=== Aim of the exercise ===
Among the entries that follow, find every line with the word "source" and list it.

[Information shown Boundary: Start]

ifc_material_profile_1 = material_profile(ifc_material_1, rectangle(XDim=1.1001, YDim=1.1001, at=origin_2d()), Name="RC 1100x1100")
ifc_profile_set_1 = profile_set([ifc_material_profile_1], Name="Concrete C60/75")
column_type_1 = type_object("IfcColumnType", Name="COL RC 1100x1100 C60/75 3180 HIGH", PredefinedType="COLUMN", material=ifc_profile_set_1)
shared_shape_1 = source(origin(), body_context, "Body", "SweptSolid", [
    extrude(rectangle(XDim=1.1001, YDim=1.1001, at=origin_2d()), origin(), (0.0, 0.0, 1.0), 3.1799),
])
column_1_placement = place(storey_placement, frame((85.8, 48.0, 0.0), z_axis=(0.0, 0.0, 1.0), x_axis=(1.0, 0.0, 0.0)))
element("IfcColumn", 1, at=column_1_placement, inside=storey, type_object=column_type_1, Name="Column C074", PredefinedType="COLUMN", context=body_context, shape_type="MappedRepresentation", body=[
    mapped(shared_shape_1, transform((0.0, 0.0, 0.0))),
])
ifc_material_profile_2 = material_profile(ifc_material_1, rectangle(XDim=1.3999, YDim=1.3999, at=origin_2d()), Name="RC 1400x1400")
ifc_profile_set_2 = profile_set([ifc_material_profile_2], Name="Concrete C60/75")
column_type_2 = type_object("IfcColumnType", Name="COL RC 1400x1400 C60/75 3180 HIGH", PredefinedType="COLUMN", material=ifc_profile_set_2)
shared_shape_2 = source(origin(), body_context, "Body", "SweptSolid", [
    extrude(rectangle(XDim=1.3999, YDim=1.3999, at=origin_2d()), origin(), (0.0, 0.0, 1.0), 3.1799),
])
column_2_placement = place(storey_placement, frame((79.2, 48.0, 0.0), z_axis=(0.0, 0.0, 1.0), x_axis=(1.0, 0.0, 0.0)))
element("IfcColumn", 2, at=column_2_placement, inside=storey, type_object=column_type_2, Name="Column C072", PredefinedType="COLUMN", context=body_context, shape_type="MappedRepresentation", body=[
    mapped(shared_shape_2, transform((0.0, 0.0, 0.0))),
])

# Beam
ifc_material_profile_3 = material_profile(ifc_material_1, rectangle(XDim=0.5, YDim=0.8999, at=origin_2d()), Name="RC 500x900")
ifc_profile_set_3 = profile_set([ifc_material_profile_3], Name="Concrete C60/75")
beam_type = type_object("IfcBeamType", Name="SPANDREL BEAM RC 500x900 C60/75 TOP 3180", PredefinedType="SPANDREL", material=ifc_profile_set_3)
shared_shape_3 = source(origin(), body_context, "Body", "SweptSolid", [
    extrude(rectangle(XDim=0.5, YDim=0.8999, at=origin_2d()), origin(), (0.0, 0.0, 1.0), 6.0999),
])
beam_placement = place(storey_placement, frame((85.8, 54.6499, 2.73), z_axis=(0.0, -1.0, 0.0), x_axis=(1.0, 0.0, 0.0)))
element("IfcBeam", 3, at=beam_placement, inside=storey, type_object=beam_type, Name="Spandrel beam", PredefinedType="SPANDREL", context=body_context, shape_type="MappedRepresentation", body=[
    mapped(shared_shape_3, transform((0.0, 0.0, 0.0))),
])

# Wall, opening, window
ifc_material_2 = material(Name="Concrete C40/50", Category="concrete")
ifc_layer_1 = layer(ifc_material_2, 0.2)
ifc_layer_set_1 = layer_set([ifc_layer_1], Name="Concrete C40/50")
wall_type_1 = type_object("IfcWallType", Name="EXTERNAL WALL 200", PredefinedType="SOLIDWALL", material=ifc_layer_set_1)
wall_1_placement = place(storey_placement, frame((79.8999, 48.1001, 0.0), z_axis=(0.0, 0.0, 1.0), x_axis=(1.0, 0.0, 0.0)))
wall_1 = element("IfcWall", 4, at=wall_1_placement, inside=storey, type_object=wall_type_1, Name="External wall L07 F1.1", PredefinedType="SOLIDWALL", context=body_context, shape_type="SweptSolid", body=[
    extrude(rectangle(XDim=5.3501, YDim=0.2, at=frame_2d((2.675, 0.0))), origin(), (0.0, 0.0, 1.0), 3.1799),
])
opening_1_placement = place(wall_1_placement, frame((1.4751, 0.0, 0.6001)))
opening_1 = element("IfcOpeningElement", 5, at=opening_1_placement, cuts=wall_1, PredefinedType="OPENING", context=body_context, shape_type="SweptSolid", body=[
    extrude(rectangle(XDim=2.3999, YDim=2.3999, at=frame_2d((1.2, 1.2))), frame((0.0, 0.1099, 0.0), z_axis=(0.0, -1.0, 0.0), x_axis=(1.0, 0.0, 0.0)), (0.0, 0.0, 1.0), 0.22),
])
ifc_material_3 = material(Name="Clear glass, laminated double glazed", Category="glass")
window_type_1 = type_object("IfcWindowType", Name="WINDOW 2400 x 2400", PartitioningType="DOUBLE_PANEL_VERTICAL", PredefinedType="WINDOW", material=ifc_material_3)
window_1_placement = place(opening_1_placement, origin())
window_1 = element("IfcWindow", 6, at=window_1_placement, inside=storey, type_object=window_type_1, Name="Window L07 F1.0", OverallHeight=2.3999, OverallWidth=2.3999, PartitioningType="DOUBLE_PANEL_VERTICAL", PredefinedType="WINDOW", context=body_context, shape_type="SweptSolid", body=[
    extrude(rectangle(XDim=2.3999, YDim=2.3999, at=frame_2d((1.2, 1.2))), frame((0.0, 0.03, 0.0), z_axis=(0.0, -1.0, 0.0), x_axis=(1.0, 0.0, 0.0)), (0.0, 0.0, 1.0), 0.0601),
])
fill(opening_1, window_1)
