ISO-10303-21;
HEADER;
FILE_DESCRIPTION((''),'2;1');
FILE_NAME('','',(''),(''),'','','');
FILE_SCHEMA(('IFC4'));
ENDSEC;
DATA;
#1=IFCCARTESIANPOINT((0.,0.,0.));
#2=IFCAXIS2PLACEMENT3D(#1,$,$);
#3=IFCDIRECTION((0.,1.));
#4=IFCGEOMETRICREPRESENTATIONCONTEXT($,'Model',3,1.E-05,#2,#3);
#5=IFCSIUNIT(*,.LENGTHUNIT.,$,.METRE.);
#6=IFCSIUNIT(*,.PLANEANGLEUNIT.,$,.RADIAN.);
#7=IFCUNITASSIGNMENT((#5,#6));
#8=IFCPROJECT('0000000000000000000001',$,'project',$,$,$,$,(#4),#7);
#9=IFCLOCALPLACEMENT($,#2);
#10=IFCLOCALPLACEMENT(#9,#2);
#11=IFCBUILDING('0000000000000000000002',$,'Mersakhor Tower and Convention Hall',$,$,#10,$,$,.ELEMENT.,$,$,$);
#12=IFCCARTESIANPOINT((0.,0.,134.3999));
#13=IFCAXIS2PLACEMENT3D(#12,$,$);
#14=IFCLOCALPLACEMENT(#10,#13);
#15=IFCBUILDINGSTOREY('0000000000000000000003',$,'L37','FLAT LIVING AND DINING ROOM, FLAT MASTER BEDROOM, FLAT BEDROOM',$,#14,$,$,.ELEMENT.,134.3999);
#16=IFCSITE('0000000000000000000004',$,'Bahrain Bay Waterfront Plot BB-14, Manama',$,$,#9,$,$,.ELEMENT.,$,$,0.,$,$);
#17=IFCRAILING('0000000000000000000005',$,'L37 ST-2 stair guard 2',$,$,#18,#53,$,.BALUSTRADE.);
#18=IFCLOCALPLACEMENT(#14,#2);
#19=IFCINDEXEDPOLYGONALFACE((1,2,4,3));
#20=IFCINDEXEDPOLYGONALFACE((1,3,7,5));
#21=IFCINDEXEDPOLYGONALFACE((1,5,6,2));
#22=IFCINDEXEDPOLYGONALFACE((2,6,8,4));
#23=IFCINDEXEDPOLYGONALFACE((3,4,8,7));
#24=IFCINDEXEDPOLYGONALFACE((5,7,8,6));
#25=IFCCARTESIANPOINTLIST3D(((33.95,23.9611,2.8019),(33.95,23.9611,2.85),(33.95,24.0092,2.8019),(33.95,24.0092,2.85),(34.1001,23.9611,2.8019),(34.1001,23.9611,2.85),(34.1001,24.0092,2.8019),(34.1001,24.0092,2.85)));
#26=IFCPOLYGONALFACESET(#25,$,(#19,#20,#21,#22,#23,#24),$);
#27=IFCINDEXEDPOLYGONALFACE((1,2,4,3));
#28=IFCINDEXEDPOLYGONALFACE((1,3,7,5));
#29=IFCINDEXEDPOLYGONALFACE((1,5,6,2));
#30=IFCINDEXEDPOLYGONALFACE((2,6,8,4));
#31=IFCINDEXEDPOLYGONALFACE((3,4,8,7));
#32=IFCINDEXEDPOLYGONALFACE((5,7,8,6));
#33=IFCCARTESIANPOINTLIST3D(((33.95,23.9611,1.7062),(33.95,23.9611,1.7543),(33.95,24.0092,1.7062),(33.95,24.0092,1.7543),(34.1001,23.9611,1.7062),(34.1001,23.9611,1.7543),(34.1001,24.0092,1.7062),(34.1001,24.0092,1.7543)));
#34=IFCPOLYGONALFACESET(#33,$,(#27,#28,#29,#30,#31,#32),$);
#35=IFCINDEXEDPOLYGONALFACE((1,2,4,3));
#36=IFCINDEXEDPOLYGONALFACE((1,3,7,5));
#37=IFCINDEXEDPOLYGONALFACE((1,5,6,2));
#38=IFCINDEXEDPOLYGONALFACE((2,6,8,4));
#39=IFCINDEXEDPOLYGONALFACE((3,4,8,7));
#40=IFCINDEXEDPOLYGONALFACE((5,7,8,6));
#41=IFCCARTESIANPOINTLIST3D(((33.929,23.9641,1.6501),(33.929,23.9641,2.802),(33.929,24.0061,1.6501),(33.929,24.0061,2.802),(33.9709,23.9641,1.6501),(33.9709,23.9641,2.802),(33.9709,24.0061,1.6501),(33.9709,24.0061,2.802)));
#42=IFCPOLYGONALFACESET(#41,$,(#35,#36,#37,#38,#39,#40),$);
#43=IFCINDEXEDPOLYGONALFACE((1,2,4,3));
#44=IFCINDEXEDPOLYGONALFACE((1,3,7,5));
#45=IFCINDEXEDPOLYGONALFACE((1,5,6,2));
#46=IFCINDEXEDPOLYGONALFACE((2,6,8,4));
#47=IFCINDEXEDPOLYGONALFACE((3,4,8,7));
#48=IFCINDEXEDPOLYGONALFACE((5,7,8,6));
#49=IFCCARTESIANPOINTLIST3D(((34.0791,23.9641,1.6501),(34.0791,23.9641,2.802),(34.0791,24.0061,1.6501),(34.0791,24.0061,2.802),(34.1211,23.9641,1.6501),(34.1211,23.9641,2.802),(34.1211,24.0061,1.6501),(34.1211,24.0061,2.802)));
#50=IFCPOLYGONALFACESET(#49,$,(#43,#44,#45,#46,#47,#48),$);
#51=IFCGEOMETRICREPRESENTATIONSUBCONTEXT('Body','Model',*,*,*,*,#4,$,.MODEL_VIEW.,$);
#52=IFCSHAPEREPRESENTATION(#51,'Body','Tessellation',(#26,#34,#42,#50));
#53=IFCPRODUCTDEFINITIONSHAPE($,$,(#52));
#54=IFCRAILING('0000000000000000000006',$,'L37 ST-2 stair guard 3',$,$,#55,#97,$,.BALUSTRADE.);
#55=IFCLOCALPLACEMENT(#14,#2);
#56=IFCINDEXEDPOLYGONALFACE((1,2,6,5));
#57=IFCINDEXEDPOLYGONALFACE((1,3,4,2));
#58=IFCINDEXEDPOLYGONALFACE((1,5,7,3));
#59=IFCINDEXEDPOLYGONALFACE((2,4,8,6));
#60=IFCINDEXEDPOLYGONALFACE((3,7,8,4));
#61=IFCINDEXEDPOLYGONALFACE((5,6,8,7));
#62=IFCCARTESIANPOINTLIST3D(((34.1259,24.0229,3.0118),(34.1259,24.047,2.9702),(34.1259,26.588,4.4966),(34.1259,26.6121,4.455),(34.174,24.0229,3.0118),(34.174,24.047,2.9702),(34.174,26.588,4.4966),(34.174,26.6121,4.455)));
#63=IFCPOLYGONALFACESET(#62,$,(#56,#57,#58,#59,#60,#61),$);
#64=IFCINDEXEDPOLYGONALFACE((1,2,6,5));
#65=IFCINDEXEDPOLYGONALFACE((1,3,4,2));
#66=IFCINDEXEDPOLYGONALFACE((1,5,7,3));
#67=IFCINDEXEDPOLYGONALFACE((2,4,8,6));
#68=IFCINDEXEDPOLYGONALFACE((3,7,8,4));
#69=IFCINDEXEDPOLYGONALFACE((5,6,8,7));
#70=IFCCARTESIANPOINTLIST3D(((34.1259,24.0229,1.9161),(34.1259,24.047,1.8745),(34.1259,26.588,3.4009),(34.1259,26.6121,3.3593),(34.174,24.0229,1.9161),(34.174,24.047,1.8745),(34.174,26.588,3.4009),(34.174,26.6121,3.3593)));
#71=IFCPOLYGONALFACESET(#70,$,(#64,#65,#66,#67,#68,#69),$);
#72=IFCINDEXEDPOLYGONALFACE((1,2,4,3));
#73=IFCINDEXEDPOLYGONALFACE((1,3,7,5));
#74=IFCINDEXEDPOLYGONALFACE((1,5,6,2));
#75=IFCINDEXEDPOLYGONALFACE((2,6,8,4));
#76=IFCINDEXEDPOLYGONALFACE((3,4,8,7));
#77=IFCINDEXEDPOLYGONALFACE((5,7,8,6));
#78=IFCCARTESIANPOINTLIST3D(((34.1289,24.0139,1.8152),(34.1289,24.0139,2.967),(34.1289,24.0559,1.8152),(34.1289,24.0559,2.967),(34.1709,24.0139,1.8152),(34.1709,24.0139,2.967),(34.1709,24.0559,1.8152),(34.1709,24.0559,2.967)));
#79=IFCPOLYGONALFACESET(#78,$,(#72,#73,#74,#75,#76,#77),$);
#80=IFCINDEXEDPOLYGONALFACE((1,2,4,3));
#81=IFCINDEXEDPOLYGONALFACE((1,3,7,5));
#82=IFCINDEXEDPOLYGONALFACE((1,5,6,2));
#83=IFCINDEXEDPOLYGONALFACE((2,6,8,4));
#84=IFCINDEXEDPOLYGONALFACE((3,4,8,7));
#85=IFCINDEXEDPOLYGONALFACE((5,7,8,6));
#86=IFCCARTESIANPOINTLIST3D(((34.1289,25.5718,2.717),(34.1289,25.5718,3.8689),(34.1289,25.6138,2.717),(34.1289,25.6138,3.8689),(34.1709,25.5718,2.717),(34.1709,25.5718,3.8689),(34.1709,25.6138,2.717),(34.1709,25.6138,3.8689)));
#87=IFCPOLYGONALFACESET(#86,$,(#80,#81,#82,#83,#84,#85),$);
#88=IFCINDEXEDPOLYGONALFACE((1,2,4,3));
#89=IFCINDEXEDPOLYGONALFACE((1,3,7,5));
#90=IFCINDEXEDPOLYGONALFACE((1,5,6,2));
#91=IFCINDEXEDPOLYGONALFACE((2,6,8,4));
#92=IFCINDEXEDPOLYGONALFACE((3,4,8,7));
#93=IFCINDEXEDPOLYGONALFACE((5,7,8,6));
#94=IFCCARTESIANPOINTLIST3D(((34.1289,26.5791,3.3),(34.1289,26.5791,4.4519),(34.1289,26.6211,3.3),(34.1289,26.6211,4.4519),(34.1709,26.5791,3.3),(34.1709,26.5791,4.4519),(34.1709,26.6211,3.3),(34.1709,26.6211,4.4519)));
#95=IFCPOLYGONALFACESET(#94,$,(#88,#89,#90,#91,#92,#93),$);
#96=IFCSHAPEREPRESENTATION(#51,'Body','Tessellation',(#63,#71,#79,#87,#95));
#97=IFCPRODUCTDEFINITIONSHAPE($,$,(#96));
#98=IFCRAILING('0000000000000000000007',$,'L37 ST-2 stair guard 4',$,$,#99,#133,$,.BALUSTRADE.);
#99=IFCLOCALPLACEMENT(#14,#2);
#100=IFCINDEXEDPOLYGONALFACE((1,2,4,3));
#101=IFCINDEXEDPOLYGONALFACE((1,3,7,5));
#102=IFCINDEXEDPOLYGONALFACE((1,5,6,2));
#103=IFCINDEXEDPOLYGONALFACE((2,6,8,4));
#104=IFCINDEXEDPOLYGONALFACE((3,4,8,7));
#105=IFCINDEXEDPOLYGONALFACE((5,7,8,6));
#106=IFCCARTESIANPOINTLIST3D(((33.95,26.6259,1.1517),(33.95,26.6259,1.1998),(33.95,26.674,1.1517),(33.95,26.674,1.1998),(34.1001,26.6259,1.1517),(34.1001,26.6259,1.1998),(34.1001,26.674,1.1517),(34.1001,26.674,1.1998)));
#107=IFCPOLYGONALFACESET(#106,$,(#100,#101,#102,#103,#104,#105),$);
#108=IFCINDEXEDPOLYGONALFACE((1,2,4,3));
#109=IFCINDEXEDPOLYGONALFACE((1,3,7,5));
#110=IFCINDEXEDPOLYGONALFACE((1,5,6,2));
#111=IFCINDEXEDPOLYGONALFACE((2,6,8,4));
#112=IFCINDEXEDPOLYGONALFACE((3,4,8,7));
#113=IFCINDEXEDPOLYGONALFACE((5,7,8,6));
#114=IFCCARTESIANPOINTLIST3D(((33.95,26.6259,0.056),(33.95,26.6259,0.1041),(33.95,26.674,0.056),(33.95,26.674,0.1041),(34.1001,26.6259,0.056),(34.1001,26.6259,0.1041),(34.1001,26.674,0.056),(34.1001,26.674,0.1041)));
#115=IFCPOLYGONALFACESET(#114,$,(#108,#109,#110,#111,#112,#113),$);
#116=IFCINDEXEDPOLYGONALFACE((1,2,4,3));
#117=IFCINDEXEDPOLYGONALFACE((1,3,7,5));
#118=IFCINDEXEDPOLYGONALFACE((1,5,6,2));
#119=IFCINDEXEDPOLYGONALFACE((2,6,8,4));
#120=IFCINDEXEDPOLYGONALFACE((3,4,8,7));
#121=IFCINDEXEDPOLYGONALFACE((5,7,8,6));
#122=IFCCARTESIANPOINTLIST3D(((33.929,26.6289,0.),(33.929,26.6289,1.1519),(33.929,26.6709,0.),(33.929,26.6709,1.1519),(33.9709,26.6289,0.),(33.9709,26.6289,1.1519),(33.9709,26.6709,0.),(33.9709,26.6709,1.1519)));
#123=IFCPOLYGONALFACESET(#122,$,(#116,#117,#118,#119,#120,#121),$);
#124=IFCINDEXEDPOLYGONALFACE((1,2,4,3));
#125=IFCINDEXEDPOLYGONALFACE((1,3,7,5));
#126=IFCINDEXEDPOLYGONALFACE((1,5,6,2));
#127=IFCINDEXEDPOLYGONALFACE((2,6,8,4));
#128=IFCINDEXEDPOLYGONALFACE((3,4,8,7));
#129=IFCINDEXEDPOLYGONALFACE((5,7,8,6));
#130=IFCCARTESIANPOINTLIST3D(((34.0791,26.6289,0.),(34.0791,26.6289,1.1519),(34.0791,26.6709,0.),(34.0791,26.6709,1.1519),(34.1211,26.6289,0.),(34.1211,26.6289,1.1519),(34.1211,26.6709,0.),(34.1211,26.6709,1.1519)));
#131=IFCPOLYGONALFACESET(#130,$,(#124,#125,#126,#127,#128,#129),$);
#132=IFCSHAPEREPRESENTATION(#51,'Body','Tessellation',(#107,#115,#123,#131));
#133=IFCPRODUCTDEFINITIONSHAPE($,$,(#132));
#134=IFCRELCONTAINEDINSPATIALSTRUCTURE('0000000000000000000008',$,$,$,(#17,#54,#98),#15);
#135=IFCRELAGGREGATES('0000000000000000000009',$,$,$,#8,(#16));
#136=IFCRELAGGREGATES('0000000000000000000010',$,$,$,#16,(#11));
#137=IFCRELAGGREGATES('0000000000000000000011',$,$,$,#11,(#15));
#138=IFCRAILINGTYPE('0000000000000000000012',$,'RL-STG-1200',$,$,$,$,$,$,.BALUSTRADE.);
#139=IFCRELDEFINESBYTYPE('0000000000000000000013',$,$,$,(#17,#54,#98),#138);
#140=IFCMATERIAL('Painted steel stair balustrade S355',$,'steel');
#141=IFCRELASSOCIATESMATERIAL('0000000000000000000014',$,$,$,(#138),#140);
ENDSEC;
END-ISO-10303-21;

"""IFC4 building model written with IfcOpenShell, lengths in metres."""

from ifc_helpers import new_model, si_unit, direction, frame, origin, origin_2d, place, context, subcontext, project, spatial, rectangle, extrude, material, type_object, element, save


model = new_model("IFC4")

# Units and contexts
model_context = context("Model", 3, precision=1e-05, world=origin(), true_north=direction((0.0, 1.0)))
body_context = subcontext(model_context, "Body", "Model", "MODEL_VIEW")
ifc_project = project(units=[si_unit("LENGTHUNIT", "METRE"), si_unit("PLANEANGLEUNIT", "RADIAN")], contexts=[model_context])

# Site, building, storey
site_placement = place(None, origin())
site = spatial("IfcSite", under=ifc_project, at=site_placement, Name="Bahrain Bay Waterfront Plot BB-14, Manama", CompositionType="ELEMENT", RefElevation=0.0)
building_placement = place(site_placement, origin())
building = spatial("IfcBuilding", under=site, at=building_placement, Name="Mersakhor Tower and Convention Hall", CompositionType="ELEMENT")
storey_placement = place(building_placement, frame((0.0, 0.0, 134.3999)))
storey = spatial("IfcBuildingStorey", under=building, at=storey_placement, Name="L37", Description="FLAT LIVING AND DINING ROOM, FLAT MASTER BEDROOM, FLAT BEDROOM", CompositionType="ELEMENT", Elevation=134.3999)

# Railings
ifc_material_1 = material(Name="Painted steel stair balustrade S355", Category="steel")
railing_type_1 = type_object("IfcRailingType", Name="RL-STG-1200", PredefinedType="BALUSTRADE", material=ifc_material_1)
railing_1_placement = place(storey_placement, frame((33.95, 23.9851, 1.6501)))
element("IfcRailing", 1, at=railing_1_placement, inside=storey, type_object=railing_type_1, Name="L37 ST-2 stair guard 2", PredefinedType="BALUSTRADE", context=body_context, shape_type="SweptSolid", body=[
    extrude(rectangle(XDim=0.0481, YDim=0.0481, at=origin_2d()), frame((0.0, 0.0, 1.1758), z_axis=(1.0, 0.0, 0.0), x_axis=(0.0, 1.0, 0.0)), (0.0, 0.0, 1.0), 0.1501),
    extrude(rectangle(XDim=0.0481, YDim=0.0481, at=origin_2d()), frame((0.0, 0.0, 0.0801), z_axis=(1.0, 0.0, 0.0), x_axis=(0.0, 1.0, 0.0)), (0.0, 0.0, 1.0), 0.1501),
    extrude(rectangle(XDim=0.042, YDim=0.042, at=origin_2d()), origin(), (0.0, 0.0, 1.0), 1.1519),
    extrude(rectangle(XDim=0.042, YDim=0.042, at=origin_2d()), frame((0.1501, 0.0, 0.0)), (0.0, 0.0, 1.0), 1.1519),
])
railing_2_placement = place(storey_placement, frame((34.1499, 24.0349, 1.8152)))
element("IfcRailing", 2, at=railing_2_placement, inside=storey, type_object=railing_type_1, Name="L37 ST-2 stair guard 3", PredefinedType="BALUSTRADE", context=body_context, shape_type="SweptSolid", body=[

[Information shown Boundary: End]

=== Written response ===
shared_shape_1 = source(origin(), body_context, "Body", "SweptSolid", [
shared_shape_2 = source(origin(), body_context, "Body", "SweptSolid", [
shared_shape_3 = source(origin(), body_context, "Body", "SweptSolid", [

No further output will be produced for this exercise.